__Working data__.
┏━━
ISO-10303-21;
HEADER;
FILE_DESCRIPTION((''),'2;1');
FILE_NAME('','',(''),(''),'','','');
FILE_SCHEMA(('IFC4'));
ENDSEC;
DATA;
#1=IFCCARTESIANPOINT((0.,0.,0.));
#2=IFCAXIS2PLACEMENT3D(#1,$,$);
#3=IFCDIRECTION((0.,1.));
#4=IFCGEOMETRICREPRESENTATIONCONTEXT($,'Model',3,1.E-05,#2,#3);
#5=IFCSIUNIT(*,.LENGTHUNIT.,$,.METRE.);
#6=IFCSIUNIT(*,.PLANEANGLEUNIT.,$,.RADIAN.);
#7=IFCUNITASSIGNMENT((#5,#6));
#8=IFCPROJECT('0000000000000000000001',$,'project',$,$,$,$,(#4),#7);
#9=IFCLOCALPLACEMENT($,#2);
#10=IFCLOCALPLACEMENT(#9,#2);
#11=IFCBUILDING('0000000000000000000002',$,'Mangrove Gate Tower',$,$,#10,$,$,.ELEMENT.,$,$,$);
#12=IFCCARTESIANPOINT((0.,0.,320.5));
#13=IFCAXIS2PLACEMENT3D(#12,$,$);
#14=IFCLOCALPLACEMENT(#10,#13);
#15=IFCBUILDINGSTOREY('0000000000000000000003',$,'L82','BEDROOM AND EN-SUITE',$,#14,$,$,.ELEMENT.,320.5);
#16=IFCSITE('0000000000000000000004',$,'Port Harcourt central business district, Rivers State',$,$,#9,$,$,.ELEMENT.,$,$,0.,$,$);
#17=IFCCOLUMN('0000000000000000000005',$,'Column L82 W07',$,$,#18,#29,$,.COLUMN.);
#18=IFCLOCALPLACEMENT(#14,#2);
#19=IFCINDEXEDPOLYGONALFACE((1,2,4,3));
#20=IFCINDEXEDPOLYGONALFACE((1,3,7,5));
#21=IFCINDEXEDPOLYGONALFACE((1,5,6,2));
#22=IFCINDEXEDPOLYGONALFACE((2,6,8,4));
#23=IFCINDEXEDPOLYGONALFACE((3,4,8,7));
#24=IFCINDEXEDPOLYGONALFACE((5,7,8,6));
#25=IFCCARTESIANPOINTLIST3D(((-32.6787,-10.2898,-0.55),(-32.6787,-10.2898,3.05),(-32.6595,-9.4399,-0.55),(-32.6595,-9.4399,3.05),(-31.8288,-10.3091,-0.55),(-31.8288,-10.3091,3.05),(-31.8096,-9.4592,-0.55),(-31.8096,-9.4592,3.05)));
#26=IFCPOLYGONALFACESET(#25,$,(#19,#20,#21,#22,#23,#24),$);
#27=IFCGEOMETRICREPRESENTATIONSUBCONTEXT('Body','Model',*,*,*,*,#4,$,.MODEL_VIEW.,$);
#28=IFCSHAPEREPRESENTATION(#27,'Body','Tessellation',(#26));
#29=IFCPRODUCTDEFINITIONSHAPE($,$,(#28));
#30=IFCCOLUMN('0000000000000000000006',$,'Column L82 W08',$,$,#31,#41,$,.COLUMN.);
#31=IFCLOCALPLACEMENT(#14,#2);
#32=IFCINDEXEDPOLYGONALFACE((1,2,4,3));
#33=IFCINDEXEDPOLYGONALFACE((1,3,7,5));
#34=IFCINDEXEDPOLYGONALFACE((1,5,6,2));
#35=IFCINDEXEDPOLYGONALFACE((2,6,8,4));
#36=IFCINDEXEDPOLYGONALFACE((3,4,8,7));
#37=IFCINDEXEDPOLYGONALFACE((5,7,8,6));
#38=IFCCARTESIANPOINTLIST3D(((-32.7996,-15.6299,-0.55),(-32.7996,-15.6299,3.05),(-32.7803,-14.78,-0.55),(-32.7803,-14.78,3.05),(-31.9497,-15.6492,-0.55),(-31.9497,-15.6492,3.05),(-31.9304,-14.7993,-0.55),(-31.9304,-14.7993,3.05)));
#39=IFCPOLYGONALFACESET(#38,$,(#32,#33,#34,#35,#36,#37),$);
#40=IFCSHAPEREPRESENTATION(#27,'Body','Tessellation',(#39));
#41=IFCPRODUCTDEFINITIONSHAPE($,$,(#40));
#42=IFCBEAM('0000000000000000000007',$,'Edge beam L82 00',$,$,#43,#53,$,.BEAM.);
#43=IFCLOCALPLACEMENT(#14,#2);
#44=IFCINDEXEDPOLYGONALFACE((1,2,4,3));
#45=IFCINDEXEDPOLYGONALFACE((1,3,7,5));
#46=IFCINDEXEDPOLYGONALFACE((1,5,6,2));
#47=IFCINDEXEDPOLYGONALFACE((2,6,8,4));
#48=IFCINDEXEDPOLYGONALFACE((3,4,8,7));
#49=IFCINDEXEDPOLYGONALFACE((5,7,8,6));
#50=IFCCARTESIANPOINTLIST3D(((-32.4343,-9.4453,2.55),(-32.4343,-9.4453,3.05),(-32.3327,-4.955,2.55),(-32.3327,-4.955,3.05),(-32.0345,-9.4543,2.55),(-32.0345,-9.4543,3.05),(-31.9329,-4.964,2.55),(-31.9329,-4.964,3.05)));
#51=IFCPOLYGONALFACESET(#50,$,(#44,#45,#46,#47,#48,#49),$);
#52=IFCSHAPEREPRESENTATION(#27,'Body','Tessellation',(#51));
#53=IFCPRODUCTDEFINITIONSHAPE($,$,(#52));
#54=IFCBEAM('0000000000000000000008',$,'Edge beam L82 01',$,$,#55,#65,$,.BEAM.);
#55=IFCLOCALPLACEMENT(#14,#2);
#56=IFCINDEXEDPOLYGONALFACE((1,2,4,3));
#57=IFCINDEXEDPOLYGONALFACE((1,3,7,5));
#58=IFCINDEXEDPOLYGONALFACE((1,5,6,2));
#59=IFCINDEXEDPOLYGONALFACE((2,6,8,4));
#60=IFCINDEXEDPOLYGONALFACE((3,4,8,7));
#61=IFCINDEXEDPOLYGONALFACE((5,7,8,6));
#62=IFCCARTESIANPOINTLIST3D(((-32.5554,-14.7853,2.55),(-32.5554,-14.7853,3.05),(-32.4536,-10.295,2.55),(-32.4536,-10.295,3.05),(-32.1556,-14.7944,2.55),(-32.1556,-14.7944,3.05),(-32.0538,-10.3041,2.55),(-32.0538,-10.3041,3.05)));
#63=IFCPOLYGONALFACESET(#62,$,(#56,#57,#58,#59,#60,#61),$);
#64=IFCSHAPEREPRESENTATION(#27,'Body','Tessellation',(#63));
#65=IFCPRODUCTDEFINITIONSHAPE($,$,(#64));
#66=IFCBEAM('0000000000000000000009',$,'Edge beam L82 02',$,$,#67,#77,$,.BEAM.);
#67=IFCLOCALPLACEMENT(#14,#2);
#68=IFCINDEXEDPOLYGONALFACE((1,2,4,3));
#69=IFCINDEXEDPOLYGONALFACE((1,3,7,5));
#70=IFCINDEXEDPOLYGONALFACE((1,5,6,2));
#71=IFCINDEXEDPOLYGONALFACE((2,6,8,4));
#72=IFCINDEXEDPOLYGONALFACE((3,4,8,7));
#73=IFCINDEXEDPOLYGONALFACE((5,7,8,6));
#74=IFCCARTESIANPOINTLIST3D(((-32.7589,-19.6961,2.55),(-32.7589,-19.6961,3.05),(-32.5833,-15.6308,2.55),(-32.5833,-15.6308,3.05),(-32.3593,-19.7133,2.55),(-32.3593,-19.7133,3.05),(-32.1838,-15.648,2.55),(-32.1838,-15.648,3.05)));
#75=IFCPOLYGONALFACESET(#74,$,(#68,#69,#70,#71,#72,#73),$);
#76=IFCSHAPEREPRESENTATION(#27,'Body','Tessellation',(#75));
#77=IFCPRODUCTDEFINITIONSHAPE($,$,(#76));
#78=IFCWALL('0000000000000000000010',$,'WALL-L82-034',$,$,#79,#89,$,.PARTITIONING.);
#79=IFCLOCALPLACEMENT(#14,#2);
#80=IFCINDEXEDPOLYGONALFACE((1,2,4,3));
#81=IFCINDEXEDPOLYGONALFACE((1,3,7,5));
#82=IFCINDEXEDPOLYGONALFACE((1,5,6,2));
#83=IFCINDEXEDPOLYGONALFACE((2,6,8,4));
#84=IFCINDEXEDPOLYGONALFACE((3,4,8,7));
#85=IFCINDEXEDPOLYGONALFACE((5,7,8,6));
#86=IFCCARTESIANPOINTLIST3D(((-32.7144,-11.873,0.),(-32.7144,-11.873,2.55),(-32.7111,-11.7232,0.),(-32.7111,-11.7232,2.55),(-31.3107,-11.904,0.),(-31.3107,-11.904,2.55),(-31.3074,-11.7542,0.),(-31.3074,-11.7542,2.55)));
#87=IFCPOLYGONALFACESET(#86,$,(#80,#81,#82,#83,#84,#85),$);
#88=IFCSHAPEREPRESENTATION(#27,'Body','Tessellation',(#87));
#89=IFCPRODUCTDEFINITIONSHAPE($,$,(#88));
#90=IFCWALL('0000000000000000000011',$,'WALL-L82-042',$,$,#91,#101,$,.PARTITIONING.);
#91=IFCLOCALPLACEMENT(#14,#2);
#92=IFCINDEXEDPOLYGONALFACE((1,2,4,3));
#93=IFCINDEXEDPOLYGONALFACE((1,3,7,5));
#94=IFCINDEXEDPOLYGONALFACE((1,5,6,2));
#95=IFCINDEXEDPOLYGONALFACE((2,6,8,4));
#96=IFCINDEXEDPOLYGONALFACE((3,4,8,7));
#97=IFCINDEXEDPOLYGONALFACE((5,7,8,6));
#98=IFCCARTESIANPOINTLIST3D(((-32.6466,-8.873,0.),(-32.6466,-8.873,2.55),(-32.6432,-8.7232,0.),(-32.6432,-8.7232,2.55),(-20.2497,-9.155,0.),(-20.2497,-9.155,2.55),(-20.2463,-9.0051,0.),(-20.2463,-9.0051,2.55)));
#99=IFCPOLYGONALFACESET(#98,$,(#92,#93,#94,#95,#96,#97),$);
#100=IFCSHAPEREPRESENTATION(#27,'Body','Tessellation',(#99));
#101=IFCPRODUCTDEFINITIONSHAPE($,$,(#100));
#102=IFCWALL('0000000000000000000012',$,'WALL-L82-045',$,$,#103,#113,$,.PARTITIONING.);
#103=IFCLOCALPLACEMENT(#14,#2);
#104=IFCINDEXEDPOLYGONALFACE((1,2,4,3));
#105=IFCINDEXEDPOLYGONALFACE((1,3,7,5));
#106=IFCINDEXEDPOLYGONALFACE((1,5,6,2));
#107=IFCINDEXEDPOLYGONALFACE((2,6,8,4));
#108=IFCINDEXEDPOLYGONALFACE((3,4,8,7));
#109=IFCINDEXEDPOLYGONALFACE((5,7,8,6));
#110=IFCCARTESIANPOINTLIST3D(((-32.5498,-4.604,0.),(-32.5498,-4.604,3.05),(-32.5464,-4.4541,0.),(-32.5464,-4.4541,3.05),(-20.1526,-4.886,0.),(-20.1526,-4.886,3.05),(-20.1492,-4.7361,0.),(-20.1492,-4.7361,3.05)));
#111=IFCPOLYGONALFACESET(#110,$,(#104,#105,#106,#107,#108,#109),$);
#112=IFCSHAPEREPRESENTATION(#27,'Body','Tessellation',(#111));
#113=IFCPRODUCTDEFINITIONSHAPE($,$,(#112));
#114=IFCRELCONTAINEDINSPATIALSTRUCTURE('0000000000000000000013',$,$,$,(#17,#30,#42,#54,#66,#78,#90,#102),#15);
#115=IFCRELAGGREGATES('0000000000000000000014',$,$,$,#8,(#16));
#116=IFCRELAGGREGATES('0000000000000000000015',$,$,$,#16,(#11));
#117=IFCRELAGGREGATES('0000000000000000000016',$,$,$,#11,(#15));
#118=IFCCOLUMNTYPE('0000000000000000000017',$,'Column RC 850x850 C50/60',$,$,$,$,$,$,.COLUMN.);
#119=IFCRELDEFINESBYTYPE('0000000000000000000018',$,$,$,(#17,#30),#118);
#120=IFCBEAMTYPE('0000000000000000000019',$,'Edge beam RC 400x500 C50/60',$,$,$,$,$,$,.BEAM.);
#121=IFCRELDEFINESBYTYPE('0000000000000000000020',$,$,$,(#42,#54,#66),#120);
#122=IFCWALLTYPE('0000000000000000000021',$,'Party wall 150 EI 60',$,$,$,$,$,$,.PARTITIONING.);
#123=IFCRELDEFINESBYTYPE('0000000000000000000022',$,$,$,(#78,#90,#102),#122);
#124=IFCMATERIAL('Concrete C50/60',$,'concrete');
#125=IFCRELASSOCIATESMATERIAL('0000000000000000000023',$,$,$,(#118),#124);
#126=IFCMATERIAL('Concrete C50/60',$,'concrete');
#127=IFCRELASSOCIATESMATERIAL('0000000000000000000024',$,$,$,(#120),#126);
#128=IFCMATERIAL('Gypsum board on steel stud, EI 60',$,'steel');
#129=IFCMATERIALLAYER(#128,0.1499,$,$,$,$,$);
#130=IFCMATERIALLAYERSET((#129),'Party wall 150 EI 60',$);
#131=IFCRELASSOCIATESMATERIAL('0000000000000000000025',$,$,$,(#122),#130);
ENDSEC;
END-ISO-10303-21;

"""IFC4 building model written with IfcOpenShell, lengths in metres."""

from ifc_helpers import new_model, si_unit, direction, frame, frame_2d, origin, origin_2d, place, context, subcontext, project, spatial, rectangle, extrude, material, layer, layer_set, material_profile, profile_set, type_object, element, save


model = new_model("IFC4")

# Units and contexts
model_context = context("Model", 3, precision=1e-05, world=origin(), true_north=direction((0.0, 1.0)))
body_context = subcontext(model_context, "Body", "Model", "MODEL_VIEW")
ifc_project = project(units=[si_unit("LENGTHUNIT", "METRE"), si_unit("PLANEANGLEUNIT", "RADIAN")], contexts=[model_context])

# Site, building, storey
site_placement = place(None, origin())
site = spatial("IfcSite", under=ifc_project, at=site_placement, Name="Port Harcourt central business district, Rivers State", CompositionType="ELEMENT", RefElevation=0.0)
building_placement = place(site_placement, origin())
building = spatial("IfcBuilding", under=site, at=building_placement, Name="Mangrove Gate Tower", CompositionType="ELEMENT")
storey_placement = place(building_placement, frame((0.0, 0.0, 320.5)))
storey = spatial("IfcBuildingStorey", under=building, at=storey_placement, Name="L82", Description="BEDROOM AND EN-SUITE", CompositionType="ELEMENT", Elevation=320.5)

# Columns
ifc_material_1 = material(Name="Concrete C50/60", Category="concrete")
ifc_material_profile_1 = material_profile(ifc_material_1, rectangle(XDim=0.8501, YDim=0.8501, at=origin_2d()))
ifc_profile_set_1 = profile_set([ifc_material_profile_1], Name="Concrete C50/60")
column_type = type_object("IfcColumnType", Name="Column RC 850x850 C50/60", PredefinedType="COLUMN", material=ifc_profile_set_1)
for number, where, z_axis, x_axis, name in (
    (1, (-32.2441, -9.8745, -0.55), (0.0, 0.0, 1.0), (-0.022653, -0.999743, 0.0), "Column L82 W07"),
    (2, (-32.365, -15.2146, -0.55), (0.0, 0.0, 1.0), (-0.022747, -0.999741, 0.0), "Column L82 W08"),
):
    element("IfcColumn", number, at=place(storey_placement, frame(where, z_axis=z_axis, x_axis=x_axis)), inside=storey, type_object=column_type, Name=name, PredefinedType="COLUMN", context=body_context, shape_type="SweptSolid", body=[
        extrude(rectangle(XDim=0.8501, YDim=0.8501, at=origin_2d()), origin(), (0.0, 0.0, 1.0), 3.6001),
    ])

# Beams
ifc_material_2 = material(Name="Concrete C50/60", Category="concrete")
ifc_material_profile_2 = material_profile(ifc_material_2, rectangle(XDim=0.3999, YDim=0.5, at=origin_2d()))
ifc_profile_set_2 = profile_set([ifc_material_profile_2], Name="Concrete C50/60")
beam_type = type_object("IfcBeamType", Name="Edge beam RC 400x500 C50/60", PredefinedType="BEAM", material=ifc_profile_set_2)
for number, where, z_axis, x_axis, name in (
    (3, (-32.1328, -4.9595, 2.8), (-0.022613, -0.999744, 0.0), (0.999744, -0.022613, 0.0), "Edge beam L82 00"),
    (4, (-32.2537, -10.2996, 2.8), (-0.022667, -0.999743, 0.0), (0.999743, -0.022667, 0.0), "Edge beam L82 01"),
):
    element("IfcBeam", number, at=place(storey_placement, frame(where, z_axis=z_axis, x_axis=x_axis)), inside=storey, type_object=beam_type, Name=name, PredefinedType="BEAM", context=body_context, shape_type="SweptSolid", body=[
        extrude(rectangle(XDim=0.3999, YDim=0.5, at=origin_2d()), origin(), (0.0, 0.0, 1.0), 4.4915),
    ])
beam_placement = place(storey_placement, frame((-32.3835, -15.6394, 2.8), z_axis=(-0.04314, -0.999069, 0.0), x_axis=(0.999069, -0.04314, 0.0)))
element("IfcBeam", 5, at=beam_placement, inside=storey, type_object=beam_type, Name="Edge beam L82 02", PredefinedType="BEAM", context=body_context, shape_type="SweptSolid", body=[
    extrude(rectangle(XDim=0.3999, YDim=0.5, at=origin_2d()), origin(), (0.0, 0.0, 1.0), 4.0691),
])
┗━━
__Task directions__. Whenever the word "IFCSHAPEREPRESENTATION" shows up in a line above, copy that line.

__Task solution__.
#28=IFCSHAPEREPRESENTATION(#27,'Body','Tessellation',(#26));
#40=IFCSHAPEREPRESENTATION(#27,'Body','Tessellation',(#39));
#52=IFCSHAPEREPRESENTATION(#27,'Body','Tessellation',(#51));
#64=IFCSHAPEREPRESENTATION(#27,'Body','Tessellation',(#63));
#76=IFCSHAPEREPRESENTATION(#27,'Body','Tessellation',(#75));
#88=IFCSHAPEREPRESENTATION(#27,'Body','Tessellation',(#87));
#100=IFCSHAPEREPRESENTATION(#27,'Body','Tessellation',(#99));
#112=IFCSHAPEREPRESENTATION(#27,'Body','Tessellation',(#111));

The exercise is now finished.